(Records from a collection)
----
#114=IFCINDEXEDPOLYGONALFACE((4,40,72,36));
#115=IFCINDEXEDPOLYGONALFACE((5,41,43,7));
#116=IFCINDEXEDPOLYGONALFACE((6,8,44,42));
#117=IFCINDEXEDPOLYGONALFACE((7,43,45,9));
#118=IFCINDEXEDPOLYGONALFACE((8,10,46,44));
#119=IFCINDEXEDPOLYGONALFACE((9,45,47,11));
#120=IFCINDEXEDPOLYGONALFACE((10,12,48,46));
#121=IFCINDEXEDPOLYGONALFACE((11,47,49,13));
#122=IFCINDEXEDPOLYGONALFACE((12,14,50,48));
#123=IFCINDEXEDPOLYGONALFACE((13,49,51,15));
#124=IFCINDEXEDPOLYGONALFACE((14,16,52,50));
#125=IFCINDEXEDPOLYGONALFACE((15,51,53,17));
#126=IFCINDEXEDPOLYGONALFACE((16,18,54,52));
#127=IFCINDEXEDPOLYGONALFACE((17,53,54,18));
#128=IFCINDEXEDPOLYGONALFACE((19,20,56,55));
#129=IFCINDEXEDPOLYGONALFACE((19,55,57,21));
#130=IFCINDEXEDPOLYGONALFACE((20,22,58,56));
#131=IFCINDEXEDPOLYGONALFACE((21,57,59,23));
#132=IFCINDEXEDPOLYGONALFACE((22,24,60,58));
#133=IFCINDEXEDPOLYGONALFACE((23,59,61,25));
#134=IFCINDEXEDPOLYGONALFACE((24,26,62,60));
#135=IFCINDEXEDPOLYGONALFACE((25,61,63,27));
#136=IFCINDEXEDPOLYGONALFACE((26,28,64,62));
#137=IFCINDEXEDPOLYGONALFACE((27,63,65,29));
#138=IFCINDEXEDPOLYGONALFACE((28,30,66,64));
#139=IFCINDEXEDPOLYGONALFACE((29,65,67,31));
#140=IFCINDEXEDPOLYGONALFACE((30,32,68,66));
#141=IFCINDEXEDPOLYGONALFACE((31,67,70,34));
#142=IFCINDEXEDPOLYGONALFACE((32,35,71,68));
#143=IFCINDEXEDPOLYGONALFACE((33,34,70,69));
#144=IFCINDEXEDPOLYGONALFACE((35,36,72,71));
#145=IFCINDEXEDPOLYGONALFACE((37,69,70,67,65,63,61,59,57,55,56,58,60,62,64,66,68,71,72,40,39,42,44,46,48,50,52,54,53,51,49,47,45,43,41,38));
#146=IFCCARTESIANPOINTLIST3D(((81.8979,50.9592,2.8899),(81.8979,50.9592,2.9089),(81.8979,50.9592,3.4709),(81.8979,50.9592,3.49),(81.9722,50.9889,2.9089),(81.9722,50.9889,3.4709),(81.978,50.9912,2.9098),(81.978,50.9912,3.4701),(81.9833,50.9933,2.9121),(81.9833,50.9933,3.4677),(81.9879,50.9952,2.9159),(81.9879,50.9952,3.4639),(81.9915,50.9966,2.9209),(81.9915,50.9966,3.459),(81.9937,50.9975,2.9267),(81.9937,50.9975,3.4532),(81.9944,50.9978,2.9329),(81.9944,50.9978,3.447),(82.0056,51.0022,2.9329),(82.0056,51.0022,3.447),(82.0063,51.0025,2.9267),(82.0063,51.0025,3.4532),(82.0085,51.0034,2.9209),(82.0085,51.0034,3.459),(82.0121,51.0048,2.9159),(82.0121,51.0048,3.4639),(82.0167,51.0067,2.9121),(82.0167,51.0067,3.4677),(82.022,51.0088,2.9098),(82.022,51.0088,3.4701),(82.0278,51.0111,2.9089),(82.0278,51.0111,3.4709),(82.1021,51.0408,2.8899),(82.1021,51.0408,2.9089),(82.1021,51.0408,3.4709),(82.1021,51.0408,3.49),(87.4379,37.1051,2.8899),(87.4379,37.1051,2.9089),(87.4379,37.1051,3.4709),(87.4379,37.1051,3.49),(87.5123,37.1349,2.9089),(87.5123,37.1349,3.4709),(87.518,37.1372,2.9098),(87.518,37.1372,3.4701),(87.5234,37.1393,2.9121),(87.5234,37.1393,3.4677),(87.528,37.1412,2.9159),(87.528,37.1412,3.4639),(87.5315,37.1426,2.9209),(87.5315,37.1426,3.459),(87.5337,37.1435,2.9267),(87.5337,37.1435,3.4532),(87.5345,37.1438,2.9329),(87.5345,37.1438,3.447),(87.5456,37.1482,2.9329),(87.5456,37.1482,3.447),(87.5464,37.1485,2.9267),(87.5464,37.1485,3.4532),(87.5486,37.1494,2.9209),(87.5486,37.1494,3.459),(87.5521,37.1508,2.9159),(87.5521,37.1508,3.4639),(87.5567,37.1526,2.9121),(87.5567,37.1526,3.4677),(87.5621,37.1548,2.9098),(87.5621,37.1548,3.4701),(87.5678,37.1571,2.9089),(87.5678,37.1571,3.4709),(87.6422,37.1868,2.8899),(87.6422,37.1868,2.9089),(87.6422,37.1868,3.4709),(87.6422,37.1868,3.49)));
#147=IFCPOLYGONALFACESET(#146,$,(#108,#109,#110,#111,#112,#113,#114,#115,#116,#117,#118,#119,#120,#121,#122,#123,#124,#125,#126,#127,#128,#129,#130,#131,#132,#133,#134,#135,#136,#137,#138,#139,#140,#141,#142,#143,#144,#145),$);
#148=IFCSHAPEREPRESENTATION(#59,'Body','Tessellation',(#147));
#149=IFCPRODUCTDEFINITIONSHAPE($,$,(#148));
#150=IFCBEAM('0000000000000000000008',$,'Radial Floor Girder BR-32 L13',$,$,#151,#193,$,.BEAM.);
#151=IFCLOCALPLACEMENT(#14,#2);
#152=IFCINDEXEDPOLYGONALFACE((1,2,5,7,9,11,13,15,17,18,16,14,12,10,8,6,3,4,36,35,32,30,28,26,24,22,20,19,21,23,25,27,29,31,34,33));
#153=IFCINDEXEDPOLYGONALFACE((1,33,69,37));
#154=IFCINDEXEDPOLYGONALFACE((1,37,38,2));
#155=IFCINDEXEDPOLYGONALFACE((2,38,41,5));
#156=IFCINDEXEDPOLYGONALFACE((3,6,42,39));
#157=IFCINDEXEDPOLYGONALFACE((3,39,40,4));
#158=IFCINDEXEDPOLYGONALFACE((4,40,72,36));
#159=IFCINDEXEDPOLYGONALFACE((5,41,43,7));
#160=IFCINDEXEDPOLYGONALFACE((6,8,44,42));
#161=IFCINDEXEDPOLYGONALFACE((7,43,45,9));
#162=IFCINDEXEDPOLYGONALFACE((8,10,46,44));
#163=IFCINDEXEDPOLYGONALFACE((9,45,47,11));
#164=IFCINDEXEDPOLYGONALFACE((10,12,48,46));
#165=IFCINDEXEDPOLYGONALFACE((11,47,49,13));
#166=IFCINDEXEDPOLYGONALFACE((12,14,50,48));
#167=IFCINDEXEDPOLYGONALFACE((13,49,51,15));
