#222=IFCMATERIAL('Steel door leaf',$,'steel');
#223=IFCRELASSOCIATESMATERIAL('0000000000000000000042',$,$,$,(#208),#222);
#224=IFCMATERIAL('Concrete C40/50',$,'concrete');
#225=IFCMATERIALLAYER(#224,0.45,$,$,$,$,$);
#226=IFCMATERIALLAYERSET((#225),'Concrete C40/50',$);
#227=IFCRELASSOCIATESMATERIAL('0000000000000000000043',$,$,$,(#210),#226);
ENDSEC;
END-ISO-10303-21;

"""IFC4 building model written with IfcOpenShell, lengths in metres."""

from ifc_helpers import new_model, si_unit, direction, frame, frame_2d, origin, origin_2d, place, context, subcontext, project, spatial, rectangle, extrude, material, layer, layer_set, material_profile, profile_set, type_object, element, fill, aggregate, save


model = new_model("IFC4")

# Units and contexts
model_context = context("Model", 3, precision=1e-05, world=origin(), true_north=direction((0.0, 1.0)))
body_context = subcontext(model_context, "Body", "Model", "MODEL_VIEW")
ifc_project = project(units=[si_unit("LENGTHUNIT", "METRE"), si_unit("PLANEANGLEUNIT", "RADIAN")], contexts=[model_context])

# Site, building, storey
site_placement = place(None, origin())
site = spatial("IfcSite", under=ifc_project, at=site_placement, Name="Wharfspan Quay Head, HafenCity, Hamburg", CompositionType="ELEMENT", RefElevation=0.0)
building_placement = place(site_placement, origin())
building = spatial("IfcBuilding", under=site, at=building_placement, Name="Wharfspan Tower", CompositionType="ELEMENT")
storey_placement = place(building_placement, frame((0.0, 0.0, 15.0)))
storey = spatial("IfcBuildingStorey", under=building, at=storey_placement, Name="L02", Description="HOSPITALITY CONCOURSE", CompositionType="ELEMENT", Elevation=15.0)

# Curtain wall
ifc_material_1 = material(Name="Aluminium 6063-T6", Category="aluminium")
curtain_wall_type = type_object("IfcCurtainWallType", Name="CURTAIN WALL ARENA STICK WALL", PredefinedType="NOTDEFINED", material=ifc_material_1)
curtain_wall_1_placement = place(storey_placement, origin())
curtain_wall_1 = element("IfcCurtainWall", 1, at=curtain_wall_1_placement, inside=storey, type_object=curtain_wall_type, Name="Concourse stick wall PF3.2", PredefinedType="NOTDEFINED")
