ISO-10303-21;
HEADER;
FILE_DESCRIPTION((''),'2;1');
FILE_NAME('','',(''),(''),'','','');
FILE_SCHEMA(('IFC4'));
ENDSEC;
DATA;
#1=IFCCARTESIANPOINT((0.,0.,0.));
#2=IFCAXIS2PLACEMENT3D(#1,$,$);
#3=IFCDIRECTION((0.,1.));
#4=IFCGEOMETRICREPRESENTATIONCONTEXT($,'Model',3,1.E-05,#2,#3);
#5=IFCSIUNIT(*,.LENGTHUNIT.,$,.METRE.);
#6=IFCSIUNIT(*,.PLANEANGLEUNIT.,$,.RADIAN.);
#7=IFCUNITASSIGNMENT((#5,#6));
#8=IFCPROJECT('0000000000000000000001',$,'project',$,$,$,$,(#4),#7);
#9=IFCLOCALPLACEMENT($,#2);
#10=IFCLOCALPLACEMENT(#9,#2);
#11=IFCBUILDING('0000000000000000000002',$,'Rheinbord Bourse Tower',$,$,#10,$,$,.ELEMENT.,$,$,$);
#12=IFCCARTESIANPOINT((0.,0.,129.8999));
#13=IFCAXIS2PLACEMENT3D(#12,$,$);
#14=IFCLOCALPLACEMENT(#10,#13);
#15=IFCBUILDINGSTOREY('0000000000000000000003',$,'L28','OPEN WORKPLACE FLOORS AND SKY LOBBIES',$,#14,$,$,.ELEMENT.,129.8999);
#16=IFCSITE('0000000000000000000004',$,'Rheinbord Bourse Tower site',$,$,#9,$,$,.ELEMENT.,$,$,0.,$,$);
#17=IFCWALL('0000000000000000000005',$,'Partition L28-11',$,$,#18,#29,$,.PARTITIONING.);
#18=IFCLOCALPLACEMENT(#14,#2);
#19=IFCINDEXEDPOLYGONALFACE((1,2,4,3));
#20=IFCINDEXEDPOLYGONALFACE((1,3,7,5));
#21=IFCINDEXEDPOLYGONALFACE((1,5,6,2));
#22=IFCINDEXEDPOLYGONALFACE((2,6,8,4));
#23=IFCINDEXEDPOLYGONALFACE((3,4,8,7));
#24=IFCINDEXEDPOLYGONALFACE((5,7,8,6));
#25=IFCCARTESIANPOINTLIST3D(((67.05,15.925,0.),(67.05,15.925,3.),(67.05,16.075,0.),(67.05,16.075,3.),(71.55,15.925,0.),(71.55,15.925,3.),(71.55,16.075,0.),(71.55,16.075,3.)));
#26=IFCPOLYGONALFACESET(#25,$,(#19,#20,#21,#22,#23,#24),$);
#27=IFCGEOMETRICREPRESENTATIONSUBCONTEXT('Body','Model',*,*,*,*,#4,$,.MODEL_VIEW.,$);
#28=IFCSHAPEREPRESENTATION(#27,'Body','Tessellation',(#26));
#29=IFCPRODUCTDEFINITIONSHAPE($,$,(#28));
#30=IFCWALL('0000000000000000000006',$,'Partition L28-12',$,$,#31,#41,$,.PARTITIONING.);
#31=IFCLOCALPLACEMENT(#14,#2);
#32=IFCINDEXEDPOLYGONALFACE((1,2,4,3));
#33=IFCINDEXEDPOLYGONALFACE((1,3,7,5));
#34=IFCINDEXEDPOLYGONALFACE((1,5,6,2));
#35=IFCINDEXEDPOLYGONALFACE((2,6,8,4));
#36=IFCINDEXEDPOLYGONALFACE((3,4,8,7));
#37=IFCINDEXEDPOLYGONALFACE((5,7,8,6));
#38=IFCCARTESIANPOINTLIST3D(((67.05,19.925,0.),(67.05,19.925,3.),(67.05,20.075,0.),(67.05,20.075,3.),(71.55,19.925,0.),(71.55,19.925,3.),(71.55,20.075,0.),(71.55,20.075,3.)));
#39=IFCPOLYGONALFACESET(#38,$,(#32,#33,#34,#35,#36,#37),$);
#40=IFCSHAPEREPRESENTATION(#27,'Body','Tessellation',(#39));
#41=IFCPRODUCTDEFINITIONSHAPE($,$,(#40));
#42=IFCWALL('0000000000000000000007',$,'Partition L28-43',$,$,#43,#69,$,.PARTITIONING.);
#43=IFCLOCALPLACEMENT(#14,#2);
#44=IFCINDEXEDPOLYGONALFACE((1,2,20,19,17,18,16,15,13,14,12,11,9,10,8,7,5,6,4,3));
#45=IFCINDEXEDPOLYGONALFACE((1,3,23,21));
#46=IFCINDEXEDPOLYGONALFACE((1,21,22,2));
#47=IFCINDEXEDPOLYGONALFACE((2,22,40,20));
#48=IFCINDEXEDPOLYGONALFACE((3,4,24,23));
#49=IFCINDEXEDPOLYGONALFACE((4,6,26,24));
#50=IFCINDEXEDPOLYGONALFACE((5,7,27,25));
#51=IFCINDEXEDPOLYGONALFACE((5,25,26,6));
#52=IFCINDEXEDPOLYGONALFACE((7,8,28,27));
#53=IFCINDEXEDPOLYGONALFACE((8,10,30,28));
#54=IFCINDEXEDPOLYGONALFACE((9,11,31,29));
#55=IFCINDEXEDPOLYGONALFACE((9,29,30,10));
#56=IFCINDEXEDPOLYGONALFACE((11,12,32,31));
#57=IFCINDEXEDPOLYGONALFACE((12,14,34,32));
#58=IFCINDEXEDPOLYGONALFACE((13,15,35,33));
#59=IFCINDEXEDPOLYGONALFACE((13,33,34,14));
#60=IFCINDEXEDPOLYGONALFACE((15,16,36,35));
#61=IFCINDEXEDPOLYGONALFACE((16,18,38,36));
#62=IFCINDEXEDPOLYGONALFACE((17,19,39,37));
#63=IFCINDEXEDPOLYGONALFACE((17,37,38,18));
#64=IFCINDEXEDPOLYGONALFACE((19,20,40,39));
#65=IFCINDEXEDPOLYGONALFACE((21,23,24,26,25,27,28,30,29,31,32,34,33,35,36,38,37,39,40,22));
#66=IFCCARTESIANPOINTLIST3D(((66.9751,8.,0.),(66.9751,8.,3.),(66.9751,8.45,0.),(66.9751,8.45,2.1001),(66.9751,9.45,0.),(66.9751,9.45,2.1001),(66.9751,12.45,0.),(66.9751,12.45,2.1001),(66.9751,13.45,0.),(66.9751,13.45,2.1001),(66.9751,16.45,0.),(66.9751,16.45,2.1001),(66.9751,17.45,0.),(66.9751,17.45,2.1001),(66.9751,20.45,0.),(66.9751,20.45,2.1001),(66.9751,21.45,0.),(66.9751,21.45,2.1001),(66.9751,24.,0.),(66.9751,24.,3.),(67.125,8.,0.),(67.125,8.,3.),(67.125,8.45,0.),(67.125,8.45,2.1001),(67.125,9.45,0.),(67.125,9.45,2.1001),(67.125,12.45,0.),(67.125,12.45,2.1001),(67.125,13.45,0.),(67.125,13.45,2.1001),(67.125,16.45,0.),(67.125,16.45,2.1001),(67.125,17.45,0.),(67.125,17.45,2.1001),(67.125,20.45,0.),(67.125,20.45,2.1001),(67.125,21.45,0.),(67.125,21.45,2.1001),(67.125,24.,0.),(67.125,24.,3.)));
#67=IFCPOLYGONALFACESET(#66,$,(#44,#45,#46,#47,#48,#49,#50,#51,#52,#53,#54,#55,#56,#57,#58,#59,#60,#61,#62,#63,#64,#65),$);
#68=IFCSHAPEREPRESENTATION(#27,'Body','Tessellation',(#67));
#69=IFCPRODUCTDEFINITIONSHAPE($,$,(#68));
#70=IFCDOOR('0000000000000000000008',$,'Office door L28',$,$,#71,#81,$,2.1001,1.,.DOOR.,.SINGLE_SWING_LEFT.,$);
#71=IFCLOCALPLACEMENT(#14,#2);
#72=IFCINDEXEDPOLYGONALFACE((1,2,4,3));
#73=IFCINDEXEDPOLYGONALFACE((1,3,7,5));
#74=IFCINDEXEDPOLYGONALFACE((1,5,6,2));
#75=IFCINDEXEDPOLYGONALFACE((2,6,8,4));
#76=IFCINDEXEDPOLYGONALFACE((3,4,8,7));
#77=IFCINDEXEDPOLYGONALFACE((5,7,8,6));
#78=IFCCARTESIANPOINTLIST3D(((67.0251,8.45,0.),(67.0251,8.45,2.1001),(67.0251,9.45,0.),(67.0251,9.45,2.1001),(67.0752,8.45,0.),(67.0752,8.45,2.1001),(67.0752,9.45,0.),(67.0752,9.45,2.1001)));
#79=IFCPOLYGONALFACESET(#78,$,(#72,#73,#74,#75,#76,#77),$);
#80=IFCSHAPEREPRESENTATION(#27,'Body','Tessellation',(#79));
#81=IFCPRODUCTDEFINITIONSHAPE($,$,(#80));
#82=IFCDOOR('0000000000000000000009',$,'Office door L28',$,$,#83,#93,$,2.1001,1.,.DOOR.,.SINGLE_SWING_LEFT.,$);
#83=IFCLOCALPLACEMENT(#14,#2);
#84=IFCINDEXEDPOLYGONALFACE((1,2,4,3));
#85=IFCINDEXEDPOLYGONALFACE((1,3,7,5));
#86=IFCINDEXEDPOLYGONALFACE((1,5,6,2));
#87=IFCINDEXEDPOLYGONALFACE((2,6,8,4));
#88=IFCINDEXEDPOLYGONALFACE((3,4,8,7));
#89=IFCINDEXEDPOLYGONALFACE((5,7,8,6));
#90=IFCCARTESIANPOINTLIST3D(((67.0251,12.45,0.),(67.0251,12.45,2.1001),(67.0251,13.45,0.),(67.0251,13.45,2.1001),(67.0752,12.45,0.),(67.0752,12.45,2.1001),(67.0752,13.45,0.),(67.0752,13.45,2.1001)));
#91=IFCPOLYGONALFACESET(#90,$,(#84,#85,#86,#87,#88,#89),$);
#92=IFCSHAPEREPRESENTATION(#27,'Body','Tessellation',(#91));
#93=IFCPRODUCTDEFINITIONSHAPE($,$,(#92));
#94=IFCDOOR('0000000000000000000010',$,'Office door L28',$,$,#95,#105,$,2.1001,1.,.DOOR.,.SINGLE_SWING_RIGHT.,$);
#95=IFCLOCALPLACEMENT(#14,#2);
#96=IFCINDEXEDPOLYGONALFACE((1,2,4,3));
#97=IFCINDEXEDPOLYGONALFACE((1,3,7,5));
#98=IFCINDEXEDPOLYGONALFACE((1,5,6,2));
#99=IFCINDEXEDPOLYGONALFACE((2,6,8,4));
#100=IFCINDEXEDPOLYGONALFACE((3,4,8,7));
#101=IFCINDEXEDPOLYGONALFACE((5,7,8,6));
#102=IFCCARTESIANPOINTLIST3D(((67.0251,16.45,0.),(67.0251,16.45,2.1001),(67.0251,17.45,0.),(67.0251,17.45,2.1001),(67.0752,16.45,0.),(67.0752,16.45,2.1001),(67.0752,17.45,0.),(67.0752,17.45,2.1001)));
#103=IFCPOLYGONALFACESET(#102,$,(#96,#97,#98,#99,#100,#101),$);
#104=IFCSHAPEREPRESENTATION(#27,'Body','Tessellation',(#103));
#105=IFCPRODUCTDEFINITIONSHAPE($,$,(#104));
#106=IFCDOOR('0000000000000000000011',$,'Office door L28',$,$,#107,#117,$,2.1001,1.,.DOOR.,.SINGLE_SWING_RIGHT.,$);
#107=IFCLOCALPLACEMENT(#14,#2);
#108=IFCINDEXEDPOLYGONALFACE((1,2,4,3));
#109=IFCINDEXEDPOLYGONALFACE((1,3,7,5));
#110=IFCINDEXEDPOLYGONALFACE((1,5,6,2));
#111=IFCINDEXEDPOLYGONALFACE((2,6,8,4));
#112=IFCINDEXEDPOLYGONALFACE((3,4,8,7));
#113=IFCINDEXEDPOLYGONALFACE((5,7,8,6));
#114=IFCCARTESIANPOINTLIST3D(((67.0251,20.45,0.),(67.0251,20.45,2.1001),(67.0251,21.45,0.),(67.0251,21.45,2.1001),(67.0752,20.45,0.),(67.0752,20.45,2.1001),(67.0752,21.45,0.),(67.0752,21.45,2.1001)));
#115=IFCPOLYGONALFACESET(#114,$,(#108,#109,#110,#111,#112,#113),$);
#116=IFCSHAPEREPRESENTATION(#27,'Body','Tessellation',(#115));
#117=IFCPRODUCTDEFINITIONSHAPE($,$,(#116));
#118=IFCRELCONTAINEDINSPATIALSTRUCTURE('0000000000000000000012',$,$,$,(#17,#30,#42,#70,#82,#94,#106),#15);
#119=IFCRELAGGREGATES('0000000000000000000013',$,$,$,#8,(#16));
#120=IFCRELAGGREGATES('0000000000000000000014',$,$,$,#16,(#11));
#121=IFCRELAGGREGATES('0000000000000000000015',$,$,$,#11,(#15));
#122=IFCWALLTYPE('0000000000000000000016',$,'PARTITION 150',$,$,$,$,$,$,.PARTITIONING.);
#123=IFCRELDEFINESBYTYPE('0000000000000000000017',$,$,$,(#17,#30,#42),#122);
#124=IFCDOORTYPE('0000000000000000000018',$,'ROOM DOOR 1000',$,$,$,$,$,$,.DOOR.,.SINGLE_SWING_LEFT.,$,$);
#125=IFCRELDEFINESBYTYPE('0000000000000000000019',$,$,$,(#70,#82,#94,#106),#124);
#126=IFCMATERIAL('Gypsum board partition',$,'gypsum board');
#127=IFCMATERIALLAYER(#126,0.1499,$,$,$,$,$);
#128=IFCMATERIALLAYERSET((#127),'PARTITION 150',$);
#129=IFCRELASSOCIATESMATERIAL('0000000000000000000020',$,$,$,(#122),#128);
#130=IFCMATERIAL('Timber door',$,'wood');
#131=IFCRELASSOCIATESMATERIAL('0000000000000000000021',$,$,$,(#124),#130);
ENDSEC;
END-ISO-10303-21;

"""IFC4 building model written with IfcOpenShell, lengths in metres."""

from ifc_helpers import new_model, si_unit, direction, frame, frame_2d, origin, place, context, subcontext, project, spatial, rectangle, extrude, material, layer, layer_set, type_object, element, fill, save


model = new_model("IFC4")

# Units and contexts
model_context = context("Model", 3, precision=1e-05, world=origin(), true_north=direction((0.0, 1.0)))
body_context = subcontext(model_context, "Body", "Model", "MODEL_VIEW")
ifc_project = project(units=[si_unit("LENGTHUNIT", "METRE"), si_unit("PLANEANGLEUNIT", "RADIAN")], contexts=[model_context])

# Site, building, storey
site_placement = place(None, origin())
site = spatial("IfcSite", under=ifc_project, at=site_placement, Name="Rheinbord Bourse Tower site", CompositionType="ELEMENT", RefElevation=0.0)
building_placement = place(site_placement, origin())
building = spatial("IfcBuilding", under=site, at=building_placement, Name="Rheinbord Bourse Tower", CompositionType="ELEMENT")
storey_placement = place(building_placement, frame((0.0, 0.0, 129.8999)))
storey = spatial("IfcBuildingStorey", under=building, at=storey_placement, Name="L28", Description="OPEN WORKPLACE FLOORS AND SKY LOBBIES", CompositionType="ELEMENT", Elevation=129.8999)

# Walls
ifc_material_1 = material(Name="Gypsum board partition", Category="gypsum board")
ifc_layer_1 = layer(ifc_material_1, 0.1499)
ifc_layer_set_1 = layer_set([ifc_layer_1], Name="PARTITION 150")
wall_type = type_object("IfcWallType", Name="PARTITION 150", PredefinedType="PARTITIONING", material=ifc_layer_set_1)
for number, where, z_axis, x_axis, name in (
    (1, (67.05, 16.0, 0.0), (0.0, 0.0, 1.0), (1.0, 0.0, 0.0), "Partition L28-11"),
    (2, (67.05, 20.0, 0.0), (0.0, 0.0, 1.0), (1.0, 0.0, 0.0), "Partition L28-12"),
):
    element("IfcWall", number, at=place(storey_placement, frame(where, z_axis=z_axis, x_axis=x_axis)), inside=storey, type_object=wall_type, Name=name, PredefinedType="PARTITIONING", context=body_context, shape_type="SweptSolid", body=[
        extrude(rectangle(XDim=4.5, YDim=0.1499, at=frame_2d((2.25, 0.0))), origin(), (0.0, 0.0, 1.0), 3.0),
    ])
----
**Directions for this task**.
From the records above, return each line where "IFCLOCALPLACEMENT" occurs.

**Response to this task**.
#151=IFCLOCALPLACEMENT(#14,#2);
#9=IFCLOCALPLACEMENT($,#2);
#10=IFCLOCALPLACEMENT(#9,#2);
#14=IFCLOCALPLACEMENT(#10,#13);
#18=IFCLOCALPLACEMENT(#14,#2);
#31=IFCLOCALPLACEMENT(#14,#2);
#43=IFCLOCALPLACEMENT(#14,#2);
#71=IFCLOCALPLACEMENT(#14,#2);
#83=IFCLOCALPLACEMENT(#14,#2);
#95=IFCLOCALPLACEMENT(#14,#2);
#107=IFCLOCALPLACEMENT(#14,#2);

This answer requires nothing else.